Exercise details: Only one span of the listing below should come back. It runs from the line with "#121=IFCINDEXEDPOLYGONALFACE((62,64,68,66));" through the line with "#129=IFCINDEXEDPOLYGONALFACE((78,80,84,82));", and each of its lines must be reproduced exactly.

Supplied entries:
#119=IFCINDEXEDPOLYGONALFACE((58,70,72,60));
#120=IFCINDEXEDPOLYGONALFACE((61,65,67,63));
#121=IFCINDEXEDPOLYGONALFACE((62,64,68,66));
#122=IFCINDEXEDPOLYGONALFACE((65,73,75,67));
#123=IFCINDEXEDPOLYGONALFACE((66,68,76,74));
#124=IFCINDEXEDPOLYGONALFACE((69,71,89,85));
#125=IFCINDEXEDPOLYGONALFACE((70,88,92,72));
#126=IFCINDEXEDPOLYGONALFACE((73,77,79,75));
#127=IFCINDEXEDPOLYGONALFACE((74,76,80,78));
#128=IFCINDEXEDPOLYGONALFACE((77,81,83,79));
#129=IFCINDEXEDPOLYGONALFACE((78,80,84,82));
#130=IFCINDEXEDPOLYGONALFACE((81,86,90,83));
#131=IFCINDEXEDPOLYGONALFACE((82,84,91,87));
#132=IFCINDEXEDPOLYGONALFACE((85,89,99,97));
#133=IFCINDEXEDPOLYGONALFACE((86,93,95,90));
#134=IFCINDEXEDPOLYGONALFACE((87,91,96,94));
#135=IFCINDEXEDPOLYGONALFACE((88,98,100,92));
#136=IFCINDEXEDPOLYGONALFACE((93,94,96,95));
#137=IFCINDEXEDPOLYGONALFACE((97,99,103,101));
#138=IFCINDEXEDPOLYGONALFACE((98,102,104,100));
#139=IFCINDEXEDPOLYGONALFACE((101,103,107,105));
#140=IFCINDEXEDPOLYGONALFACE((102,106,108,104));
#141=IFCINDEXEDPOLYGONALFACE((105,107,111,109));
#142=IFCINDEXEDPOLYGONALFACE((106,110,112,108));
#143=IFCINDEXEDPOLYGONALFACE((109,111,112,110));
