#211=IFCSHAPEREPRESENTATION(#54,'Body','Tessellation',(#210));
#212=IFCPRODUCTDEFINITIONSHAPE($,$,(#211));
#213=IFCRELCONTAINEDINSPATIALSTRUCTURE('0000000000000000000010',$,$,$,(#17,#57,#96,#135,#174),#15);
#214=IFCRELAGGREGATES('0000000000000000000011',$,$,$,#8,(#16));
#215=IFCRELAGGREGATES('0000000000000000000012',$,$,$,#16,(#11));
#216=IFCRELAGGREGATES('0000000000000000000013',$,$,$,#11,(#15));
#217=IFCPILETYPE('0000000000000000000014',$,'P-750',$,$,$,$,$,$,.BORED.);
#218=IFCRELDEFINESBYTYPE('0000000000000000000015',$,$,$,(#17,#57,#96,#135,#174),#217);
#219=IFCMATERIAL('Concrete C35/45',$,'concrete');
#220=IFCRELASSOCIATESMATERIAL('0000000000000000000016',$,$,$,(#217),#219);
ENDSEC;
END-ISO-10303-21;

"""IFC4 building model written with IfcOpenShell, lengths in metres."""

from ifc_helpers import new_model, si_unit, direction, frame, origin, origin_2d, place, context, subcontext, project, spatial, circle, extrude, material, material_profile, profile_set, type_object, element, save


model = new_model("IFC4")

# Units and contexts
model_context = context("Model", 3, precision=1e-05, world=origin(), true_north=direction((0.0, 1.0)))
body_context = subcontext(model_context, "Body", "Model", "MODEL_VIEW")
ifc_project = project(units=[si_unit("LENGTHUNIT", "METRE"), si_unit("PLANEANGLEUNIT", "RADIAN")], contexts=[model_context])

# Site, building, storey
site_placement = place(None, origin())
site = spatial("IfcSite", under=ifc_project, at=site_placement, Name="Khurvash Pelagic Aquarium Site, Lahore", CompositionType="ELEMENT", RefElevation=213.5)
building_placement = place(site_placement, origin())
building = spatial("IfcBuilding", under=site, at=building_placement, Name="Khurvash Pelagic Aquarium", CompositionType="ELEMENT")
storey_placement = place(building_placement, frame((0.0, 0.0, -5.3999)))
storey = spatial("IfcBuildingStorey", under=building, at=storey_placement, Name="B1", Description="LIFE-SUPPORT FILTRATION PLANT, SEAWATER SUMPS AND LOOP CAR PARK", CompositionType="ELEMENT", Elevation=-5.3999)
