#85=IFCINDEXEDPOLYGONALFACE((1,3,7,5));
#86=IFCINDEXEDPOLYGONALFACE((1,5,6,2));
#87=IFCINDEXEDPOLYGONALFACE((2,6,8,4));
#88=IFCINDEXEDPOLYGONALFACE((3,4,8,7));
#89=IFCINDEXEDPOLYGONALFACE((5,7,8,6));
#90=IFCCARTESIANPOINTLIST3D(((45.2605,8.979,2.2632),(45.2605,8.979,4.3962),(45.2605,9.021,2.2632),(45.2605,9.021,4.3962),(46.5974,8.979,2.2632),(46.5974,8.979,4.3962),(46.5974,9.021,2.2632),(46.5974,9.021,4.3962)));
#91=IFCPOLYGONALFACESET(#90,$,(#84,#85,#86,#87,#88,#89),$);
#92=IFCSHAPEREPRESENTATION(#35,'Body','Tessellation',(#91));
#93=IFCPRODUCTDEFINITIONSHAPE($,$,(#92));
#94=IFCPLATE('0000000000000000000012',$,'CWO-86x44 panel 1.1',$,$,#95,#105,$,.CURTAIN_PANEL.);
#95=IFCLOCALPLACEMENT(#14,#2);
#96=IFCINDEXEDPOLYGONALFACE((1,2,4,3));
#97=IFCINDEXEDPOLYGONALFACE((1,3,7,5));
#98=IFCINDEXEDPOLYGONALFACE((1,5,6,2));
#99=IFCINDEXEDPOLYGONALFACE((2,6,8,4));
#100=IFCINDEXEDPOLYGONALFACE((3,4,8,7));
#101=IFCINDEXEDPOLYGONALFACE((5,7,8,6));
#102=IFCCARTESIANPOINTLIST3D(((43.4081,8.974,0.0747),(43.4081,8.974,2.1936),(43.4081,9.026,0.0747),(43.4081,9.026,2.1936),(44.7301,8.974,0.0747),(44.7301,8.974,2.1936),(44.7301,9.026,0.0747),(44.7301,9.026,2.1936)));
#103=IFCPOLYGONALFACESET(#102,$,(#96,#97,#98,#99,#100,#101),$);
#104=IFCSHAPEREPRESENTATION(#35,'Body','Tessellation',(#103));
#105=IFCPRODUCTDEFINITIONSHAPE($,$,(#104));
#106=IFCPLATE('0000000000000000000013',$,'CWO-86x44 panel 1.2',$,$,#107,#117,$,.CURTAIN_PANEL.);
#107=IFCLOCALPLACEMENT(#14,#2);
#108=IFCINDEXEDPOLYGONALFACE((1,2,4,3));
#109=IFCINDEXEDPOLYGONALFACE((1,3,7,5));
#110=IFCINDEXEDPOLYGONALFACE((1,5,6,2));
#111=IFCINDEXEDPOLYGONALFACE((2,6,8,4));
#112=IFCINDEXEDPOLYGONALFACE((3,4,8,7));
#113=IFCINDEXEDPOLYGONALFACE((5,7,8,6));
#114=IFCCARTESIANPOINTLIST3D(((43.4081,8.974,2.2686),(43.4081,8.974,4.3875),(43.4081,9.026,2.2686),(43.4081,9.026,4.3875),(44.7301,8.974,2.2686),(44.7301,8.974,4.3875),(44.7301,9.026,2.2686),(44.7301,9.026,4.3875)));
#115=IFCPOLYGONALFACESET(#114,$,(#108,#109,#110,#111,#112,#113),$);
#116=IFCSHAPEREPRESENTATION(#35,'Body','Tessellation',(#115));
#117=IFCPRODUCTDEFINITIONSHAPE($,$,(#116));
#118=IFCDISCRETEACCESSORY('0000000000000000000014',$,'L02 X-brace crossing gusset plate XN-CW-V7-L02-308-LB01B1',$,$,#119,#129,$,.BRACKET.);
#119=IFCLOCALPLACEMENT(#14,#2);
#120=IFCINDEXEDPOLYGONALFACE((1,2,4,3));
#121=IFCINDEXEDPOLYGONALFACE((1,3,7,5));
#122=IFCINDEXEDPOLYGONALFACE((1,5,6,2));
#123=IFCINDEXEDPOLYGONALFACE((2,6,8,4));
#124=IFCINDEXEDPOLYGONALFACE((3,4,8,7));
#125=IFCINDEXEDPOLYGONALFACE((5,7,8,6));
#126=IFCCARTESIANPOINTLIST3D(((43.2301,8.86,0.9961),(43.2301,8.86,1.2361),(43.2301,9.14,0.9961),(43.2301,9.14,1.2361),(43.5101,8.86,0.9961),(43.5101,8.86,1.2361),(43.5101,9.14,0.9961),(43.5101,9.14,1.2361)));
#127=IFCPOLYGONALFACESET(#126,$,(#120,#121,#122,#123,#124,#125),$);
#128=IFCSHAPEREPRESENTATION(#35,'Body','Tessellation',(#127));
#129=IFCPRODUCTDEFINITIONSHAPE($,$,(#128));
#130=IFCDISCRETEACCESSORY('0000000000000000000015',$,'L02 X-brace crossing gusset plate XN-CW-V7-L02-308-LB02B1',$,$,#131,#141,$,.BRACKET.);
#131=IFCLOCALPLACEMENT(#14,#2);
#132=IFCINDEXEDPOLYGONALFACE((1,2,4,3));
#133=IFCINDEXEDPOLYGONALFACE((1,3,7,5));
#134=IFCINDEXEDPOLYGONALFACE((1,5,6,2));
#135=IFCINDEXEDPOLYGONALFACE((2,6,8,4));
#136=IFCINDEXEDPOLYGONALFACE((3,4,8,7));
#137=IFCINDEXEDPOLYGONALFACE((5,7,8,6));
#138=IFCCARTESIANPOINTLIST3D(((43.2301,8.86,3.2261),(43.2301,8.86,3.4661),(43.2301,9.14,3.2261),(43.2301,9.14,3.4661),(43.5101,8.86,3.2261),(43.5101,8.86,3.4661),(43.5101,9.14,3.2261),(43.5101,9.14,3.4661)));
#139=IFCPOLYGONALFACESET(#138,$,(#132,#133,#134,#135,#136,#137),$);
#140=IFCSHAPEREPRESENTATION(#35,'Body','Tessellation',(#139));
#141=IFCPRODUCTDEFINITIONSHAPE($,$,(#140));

Result of this task:
#121=IFCINDEXEDPOLYGONALFACE((62,64,68,66));
#122=IFCINDEXEDPOLYGONALFACE((65,73,75,67));
#123=IFCINDEXEDPOLYGONALFACE((66,68,76,74));
#124=IFCINDEXEDPOLYGONALFACE((69,71,89,85));
#125=IFCINDEXEDPOLYGONALFACE((70,88,92,72));
#126=IFCINDEXEDPOLYGONALFACE((73,77,79,75));
#127=IFCINDEXEDPOLYGONALFACE((74,76,80,78));
#128=IFCINDEXEDPOLYGONALFACE((77,81,83,79));
#129=IFCINDEXEDPOLYGONALFACE((78,80,84,82));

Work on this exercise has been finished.